Your objective: Which lines of the entries hold the string "import"? Copy each one.

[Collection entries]

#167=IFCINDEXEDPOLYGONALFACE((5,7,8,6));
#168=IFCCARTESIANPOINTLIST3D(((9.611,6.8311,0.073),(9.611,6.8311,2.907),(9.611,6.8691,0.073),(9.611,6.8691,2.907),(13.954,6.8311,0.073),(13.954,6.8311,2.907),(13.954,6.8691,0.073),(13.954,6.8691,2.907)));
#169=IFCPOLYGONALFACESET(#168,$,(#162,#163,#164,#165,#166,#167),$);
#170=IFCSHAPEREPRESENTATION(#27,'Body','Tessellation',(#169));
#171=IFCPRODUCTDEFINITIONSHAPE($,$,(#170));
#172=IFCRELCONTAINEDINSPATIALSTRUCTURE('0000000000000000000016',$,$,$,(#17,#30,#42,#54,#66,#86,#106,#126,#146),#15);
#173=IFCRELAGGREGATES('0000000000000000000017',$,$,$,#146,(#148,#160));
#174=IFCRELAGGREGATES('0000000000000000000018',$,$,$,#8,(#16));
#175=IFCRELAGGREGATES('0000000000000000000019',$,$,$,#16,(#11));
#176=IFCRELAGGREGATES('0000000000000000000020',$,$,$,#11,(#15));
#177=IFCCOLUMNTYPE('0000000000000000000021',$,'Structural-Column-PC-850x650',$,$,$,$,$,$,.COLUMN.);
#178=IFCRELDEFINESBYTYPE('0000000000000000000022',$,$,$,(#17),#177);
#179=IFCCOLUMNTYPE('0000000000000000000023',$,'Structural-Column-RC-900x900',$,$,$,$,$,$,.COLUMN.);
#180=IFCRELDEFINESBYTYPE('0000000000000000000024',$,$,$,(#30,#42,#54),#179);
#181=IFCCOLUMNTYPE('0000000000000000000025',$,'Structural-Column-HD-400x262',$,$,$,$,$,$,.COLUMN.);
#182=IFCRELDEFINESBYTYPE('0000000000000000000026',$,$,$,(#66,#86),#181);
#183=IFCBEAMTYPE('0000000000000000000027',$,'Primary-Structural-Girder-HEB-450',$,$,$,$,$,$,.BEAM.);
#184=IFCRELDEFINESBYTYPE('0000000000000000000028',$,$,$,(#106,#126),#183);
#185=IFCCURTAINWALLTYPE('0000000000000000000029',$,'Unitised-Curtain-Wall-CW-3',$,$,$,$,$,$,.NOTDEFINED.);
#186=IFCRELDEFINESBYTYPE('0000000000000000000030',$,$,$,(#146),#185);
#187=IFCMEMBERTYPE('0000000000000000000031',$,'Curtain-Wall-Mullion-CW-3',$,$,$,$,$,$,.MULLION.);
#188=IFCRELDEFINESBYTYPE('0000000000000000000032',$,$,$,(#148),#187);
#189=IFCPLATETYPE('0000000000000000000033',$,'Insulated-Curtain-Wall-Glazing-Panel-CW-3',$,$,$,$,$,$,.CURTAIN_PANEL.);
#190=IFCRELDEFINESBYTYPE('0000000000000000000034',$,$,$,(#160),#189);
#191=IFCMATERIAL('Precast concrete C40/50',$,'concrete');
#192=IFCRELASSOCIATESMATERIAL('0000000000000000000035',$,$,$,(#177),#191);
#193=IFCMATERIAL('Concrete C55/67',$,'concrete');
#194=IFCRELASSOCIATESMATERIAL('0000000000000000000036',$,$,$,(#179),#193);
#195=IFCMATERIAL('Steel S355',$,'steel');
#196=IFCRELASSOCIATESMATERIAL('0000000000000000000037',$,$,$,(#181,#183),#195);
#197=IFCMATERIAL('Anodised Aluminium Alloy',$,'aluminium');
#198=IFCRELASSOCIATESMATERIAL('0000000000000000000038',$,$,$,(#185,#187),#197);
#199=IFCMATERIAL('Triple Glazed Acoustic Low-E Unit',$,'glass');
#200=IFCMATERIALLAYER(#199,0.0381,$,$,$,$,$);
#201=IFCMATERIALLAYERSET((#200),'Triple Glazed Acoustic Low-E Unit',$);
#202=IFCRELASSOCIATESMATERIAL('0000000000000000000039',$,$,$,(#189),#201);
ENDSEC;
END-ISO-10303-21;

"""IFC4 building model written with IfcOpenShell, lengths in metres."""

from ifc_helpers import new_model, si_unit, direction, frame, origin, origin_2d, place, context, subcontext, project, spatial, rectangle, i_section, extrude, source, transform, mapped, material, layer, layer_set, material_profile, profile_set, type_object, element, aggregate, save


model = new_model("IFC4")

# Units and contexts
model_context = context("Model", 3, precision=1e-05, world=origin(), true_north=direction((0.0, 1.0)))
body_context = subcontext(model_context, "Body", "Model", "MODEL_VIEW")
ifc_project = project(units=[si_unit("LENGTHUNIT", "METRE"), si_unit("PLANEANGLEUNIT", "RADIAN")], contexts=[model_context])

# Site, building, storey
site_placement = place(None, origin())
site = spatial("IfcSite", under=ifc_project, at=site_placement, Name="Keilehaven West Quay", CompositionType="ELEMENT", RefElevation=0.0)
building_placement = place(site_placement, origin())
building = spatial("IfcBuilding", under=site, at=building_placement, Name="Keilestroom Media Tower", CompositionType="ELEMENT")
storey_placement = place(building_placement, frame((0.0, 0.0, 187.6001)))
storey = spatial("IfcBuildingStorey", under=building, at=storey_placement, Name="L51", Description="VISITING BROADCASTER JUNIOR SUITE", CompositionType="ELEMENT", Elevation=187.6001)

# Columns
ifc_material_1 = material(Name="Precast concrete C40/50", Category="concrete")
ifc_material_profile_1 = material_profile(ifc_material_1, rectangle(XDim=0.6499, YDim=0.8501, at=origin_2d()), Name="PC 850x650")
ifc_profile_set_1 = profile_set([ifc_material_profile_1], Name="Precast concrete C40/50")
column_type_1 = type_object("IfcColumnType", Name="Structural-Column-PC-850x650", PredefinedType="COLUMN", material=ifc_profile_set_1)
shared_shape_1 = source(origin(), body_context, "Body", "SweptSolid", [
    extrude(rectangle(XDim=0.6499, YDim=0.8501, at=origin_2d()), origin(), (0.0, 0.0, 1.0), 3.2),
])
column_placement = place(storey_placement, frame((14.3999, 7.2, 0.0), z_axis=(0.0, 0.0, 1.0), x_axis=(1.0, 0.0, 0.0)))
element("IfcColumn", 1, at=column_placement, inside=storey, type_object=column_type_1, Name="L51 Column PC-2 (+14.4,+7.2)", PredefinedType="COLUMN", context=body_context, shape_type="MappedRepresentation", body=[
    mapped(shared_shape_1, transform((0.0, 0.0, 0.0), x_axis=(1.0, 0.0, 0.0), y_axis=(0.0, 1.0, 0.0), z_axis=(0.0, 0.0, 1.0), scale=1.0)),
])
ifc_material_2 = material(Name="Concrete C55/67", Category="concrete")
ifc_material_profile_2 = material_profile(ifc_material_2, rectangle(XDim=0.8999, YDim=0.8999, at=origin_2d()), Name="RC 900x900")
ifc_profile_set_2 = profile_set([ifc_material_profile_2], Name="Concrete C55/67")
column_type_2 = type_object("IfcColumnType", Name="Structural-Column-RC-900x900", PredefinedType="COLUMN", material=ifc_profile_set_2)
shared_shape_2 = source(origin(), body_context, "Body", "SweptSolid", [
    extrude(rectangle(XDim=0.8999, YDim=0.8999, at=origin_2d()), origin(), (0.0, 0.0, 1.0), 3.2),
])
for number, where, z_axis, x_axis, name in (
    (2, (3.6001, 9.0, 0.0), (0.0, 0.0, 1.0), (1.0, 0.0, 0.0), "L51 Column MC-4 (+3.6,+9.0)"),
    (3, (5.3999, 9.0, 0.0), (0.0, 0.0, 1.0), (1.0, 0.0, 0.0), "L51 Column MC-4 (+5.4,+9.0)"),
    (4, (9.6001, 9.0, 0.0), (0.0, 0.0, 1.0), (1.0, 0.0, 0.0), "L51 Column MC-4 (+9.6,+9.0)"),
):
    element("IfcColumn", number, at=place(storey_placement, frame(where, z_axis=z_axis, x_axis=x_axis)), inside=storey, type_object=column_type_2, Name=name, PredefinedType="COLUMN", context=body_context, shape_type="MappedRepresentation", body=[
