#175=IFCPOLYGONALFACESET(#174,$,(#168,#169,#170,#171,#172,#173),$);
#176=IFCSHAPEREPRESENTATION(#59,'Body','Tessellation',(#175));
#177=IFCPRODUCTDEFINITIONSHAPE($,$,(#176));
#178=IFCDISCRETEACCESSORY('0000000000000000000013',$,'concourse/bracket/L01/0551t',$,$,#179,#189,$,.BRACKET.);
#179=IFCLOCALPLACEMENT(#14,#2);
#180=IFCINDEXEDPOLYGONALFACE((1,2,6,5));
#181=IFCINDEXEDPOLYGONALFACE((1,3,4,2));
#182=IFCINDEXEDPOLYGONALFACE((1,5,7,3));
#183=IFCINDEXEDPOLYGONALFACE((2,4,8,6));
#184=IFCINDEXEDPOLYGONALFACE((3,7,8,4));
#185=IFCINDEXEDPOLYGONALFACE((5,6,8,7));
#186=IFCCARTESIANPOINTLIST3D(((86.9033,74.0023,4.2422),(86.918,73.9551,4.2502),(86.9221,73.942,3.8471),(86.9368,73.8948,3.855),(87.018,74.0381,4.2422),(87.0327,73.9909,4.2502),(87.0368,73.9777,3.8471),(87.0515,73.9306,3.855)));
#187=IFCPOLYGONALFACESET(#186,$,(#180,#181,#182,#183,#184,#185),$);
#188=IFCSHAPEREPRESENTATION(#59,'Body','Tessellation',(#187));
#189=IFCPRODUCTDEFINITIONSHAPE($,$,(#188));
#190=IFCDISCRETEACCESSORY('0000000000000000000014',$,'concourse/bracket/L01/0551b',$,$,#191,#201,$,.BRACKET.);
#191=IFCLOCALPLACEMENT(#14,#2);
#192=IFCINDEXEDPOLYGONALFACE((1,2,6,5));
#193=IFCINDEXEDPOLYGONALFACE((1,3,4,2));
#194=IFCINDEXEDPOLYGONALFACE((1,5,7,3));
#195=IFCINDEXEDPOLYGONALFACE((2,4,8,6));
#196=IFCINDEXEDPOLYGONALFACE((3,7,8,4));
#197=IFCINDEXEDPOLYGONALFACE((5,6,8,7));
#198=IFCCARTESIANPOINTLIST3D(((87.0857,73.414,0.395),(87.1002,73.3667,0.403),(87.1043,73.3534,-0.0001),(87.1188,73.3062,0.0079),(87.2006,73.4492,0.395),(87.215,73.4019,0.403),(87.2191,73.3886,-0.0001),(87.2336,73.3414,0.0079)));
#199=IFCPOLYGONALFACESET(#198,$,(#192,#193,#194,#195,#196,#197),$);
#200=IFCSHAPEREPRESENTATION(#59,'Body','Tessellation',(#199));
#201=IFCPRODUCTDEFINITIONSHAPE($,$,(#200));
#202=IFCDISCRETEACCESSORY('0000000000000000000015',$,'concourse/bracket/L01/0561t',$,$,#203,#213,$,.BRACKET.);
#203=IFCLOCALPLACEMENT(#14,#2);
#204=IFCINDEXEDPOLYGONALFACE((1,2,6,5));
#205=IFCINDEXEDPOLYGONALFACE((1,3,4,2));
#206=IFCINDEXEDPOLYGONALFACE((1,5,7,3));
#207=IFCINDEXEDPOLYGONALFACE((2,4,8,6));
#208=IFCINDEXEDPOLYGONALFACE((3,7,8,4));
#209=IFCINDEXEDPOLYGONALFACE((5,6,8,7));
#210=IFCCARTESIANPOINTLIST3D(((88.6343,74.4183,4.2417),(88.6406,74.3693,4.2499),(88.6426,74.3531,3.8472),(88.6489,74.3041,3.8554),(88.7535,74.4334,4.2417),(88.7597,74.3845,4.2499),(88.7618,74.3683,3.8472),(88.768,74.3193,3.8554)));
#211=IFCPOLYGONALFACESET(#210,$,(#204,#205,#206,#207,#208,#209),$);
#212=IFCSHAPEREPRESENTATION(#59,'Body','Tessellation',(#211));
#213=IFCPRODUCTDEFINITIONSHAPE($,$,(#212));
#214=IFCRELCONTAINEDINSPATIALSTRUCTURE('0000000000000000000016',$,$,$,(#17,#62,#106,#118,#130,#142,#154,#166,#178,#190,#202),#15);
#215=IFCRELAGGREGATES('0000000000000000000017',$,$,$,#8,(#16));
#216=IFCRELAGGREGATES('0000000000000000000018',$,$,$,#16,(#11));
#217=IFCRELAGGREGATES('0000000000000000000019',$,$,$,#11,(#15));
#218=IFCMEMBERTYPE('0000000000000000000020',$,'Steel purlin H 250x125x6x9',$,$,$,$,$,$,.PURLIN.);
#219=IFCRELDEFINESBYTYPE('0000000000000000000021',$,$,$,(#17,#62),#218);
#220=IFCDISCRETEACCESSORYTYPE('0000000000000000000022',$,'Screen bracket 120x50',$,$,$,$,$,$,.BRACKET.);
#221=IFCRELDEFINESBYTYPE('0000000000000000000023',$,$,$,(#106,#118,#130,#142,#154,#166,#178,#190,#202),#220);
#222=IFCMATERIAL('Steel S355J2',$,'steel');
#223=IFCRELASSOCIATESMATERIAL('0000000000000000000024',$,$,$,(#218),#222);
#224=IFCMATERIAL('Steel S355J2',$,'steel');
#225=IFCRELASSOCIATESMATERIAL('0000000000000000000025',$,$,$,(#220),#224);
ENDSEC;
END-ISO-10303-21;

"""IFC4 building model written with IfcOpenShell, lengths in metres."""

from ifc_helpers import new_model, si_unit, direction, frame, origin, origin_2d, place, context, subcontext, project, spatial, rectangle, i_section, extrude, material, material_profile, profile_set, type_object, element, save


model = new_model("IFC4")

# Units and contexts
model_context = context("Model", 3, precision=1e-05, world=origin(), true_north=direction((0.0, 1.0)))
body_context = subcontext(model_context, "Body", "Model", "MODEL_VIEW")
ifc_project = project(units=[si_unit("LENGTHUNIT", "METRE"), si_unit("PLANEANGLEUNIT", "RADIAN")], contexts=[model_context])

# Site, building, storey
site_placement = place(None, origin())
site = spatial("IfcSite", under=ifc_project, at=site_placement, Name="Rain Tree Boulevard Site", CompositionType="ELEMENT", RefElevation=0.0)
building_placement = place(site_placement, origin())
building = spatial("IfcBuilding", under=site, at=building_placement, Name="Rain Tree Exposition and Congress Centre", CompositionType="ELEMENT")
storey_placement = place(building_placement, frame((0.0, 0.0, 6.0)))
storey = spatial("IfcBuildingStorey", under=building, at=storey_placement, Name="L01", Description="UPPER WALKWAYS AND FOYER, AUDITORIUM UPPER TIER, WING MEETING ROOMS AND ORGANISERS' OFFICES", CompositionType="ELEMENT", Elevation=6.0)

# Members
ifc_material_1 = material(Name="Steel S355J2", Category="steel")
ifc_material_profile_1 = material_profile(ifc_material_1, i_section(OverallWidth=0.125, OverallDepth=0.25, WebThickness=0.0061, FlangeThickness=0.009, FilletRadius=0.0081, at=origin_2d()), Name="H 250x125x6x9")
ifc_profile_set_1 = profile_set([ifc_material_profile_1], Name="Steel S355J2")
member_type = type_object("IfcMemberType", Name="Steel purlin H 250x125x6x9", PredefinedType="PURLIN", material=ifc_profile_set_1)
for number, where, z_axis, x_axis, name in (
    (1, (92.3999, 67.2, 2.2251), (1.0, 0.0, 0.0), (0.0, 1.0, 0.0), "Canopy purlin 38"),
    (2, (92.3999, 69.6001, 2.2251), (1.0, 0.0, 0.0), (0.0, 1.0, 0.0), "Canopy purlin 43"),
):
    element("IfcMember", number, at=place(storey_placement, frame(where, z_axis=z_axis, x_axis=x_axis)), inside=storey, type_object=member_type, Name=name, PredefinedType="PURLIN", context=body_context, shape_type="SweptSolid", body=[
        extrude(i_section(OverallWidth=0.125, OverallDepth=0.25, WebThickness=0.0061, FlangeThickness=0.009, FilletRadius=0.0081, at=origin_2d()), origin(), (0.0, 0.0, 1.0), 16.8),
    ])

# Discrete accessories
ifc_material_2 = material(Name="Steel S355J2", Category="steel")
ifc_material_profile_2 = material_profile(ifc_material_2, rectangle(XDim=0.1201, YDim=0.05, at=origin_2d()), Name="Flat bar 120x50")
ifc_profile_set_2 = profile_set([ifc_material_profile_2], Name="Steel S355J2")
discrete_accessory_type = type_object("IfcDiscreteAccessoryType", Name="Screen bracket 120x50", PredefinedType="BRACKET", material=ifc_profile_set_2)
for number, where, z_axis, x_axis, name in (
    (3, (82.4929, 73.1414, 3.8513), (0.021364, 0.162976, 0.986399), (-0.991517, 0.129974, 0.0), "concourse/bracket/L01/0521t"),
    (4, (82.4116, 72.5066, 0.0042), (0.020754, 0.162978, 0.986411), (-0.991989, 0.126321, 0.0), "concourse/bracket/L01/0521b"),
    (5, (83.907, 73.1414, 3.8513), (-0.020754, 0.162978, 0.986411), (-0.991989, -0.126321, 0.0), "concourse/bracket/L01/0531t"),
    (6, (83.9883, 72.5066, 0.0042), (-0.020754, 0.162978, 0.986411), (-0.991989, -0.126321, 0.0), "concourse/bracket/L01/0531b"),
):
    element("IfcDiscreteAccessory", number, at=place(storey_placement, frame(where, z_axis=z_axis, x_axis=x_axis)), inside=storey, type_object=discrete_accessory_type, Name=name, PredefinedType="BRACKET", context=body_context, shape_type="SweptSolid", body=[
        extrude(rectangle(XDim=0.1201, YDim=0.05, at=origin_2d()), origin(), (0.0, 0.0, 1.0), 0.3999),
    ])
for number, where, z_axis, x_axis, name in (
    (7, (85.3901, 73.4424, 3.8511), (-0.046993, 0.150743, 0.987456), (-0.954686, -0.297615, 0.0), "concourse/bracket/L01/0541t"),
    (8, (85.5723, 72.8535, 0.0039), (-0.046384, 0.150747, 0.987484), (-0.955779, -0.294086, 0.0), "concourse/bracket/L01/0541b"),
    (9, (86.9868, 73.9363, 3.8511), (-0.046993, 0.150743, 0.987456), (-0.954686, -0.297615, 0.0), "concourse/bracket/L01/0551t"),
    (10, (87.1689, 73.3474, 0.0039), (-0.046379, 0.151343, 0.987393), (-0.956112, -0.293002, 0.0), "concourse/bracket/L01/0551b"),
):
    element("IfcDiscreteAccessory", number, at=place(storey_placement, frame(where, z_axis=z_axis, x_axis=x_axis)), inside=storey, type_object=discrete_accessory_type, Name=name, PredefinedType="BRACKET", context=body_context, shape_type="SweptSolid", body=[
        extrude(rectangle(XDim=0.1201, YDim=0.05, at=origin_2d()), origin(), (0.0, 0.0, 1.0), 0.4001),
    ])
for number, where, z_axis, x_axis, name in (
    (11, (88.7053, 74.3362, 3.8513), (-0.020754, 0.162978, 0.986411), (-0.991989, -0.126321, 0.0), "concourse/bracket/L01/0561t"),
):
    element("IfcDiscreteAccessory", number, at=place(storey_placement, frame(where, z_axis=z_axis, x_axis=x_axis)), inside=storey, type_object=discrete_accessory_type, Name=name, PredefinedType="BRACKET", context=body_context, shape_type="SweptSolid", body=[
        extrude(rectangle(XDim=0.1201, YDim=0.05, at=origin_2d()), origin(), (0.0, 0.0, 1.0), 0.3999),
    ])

Solution:
from ifc_helpers import new_model, si_unit, direction, frame, origin, origin_2d, place, context, subcontext, project, spatial, rectangle, i_section, extrude, source, transform, mapped, material, layer, layer_set, material_profile, profile_set, type_object, element, aggregate, save
from ifc_helpers import new_model, si_unit, direction, frame, origin, origin_2d, place, context, subcontext, project, spatial, rectangle, i_section, extrude, material, material_profile, profile_set, type_object, element, save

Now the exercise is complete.